__WHAT TO DO__.
I would like the number of lines in the data that contain the word "CompositionType". Please give that number alone.
****
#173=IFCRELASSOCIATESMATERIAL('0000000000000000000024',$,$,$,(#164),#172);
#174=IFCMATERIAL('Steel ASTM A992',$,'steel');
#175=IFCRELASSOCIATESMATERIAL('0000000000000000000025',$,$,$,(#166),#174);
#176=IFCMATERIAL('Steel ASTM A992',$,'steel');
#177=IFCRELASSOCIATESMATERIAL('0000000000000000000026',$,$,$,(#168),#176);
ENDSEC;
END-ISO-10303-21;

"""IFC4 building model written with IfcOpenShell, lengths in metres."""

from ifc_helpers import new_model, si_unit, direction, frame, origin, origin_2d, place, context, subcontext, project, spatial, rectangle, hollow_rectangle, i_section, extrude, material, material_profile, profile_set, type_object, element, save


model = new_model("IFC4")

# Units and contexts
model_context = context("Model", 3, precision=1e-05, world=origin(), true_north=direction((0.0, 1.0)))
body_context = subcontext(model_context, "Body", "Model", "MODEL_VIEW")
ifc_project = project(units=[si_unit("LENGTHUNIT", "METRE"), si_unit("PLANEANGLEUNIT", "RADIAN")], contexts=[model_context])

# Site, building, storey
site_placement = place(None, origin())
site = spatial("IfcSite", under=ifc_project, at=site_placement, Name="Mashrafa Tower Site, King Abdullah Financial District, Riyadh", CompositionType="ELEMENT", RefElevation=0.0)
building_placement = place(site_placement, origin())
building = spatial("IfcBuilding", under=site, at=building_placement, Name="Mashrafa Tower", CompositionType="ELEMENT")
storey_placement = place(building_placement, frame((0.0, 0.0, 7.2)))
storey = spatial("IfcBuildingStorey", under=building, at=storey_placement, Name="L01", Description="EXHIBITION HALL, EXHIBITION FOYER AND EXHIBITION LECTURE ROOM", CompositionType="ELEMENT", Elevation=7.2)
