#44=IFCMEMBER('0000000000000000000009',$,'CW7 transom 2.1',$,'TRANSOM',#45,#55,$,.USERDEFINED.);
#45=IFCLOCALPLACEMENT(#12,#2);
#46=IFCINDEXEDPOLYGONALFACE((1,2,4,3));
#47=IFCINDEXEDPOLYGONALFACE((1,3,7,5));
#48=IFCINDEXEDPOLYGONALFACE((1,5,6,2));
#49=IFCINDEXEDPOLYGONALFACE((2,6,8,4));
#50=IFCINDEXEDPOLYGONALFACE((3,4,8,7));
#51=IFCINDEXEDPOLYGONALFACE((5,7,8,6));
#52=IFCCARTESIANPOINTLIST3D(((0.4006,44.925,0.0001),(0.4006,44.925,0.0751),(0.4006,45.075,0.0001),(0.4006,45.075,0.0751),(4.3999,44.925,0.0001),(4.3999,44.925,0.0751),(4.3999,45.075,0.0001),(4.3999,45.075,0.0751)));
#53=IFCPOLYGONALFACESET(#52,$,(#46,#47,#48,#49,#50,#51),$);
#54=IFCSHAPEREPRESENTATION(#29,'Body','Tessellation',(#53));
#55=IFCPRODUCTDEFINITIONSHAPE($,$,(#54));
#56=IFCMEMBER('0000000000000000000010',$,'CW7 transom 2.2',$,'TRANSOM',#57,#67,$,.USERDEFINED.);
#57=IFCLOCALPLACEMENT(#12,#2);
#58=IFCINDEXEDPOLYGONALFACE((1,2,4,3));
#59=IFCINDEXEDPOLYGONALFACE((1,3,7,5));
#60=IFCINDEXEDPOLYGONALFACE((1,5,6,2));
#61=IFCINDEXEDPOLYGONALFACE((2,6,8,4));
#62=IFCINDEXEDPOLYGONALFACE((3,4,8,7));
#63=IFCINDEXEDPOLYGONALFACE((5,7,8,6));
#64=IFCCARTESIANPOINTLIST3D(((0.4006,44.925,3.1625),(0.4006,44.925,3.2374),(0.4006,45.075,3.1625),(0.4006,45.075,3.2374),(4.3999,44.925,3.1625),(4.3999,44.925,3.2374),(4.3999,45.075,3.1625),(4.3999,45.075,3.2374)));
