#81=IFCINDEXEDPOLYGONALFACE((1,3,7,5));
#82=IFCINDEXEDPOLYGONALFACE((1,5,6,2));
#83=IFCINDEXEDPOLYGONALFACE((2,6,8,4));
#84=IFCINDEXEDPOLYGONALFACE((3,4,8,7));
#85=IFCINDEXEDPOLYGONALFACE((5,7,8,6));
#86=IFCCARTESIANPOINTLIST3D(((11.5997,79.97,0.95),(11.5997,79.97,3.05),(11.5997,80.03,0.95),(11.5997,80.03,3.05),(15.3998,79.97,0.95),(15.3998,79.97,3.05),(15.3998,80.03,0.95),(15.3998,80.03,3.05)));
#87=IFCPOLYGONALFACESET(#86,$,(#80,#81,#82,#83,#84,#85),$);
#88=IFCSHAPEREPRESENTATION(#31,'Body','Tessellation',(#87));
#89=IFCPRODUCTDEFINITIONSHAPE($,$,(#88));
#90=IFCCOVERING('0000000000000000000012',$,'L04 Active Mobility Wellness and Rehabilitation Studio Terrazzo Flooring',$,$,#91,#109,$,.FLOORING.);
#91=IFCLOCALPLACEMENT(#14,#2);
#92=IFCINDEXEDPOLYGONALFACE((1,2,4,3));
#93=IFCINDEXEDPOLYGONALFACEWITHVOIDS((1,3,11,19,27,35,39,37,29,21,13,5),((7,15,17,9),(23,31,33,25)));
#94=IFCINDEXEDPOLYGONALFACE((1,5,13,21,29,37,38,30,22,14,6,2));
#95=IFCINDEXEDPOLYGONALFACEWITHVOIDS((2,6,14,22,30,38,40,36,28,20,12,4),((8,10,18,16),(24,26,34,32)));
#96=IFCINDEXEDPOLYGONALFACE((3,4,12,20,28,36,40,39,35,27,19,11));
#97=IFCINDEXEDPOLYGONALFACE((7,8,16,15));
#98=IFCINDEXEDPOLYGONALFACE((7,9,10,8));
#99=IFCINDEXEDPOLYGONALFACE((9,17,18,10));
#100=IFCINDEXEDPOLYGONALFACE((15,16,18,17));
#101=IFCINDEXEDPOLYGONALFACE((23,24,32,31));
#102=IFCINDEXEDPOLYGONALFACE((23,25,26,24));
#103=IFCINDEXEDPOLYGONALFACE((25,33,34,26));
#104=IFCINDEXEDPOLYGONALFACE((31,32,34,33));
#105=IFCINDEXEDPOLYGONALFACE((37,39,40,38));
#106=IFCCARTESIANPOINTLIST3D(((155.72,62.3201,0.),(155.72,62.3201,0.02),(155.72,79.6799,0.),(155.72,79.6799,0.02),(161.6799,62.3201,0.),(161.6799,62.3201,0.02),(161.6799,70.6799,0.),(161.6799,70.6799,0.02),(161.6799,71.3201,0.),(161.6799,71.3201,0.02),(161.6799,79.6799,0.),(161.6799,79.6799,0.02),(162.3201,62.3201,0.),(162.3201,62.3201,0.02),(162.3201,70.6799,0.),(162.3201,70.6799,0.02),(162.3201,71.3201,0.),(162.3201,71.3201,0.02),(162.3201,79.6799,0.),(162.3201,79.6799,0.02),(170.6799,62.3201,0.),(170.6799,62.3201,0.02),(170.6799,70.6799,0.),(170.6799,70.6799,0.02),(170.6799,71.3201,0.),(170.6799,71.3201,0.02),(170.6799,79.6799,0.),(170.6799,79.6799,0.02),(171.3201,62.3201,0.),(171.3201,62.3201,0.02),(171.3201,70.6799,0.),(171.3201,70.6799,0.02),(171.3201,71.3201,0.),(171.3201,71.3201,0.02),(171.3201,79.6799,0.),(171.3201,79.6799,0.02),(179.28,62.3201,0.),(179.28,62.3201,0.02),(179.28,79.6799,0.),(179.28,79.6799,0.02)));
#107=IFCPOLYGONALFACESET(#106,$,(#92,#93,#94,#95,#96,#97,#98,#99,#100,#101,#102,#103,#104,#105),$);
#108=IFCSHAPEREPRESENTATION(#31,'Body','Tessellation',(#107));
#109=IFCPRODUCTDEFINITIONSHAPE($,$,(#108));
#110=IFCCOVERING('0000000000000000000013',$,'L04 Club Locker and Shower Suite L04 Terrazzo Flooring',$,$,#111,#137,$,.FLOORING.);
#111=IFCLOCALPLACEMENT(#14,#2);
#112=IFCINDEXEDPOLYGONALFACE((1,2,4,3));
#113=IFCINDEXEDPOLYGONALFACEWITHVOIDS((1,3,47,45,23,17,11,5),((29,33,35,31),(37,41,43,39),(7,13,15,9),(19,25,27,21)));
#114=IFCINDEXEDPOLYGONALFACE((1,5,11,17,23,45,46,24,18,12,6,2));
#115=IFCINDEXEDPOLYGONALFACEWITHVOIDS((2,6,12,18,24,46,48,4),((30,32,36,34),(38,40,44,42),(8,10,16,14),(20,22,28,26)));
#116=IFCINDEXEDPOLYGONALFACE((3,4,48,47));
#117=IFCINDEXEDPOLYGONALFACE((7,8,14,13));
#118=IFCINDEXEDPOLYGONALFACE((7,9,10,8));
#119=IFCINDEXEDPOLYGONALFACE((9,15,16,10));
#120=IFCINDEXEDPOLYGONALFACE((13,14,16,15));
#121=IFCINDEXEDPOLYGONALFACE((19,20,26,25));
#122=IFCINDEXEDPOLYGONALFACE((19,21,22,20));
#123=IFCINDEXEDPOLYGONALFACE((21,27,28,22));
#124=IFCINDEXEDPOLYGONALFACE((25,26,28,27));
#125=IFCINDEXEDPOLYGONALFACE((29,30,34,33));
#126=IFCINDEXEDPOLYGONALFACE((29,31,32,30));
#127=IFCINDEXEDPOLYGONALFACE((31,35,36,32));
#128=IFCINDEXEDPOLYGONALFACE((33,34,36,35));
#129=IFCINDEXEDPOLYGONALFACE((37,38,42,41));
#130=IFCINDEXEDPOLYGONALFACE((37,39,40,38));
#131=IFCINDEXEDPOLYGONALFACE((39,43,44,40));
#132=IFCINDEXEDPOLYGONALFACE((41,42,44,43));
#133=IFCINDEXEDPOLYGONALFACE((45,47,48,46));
****
__RESPONSE BOX__.
3